◆ **TASK**
Each line from the one that contains "#135=IFCINDEXEDPOLYGONALFACE((1,3,7,5));" down to the last line of the material should be retyped exactly as it stands.

*-*-*

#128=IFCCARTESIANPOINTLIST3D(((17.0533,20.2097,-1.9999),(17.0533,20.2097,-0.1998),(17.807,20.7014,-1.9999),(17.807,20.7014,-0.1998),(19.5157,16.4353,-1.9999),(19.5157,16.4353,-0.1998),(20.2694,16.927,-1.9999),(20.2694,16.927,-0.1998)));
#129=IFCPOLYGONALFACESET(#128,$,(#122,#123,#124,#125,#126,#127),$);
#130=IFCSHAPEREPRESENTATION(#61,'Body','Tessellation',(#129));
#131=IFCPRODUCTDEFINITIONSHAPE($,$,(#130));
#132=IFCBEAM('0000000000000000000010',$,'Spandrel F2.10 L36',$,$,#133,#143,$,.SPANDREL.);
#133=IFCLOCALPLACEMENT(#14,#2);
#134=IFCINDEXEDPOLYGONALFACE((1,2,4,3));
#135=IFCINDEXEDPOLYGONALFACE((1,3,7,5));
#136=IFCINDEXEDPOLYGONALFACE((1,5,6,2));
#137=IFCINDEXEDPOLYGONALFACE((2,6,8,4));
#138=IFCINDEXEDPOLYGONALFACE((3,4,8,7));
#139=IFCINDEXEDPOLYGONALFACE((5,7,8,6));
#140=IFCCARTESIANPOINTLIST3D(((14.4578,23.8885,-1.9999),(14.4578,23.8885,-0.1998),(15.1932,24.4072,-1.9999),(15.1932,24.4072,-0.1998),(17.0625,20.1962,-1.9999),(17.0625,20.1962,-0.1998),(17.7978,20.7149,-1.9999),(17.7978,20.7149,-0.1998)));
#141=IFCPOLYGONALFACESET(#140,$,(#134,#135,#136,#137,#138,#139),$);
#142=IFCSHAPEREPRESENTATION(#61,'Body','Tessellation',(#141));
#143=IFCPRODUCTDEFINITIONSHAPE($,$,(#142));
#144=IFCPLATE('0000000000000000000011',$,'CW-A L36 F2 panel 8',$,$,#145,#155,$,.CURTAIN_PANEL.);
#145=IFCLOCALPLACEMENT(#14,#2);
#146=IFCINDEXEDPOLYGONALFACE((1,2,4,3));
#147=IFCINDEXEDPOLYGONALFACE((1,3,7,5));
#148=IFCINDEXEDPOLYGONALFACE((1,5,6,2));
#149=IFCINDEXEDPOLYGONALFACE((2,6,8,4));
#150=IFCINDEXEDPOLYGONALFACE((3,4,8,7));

*-*-*

◆ **ANSWER**
#135=IFCINDEXEDPOLYGONALFACE((1,3,7,5));
#136=IFCINDEXEDPOLYGONALFACE((1,5,6,2));
#137=IFCINDEXEDPOLYGONALFACE((2,6,8,4));
#138=IFCINDEXEDPOLYGONALFACE((3,4,8,7));
#139=IFCINDEXEDPOLYGONALFACE((5,7,8,6));
#140=IFCCARTESIANPOINTLIST3D(((14.4578,23.8885,-1.9999),(14.4578,23.8885,-0.1998),(15.1932,24.4072,-1.9999),(15.1932,24.4072,-0.1998),(17.0625,20.1962,-1.9999),(17.0625,20.1962,-0.1998),(17.7978,20.7149,-1.9999),(17.7978,20.7149,-0.1998)));
#141=IFCPOLYGONALFACESET(#140,$,(#134,#135,#136,#137,#138,#139),$);
#142=IFCSHAPEREPRESENTATION(#61,'Body','Tessellation',(#141));
#143=IFCPRODUCTDEFINITIONSHAPE($,$,(#142));
#144=IFCPLATE('0000000000000000000011',$,'CW-A L36 F2 panel 8',$,$,#145,#155,$,.CURTAIN_PANEL.);
#145=IFCLOCALPLACEMENT(#14,#2);
#146=IFCINDEXEDPOLYGONALFACE((1,2,4,3));
#147=IFCINDEXEDPOLYGONALFACE((1,3,7,5));
#148=IFCINDEXEDPOLYGONALFACE((1,5,6,2));
#149=IFCINDEXEDPOLYGONALFACE((2,6,8,4));
#150=IFCINDEXEDPOLYGONALFACE((3,4,8,7));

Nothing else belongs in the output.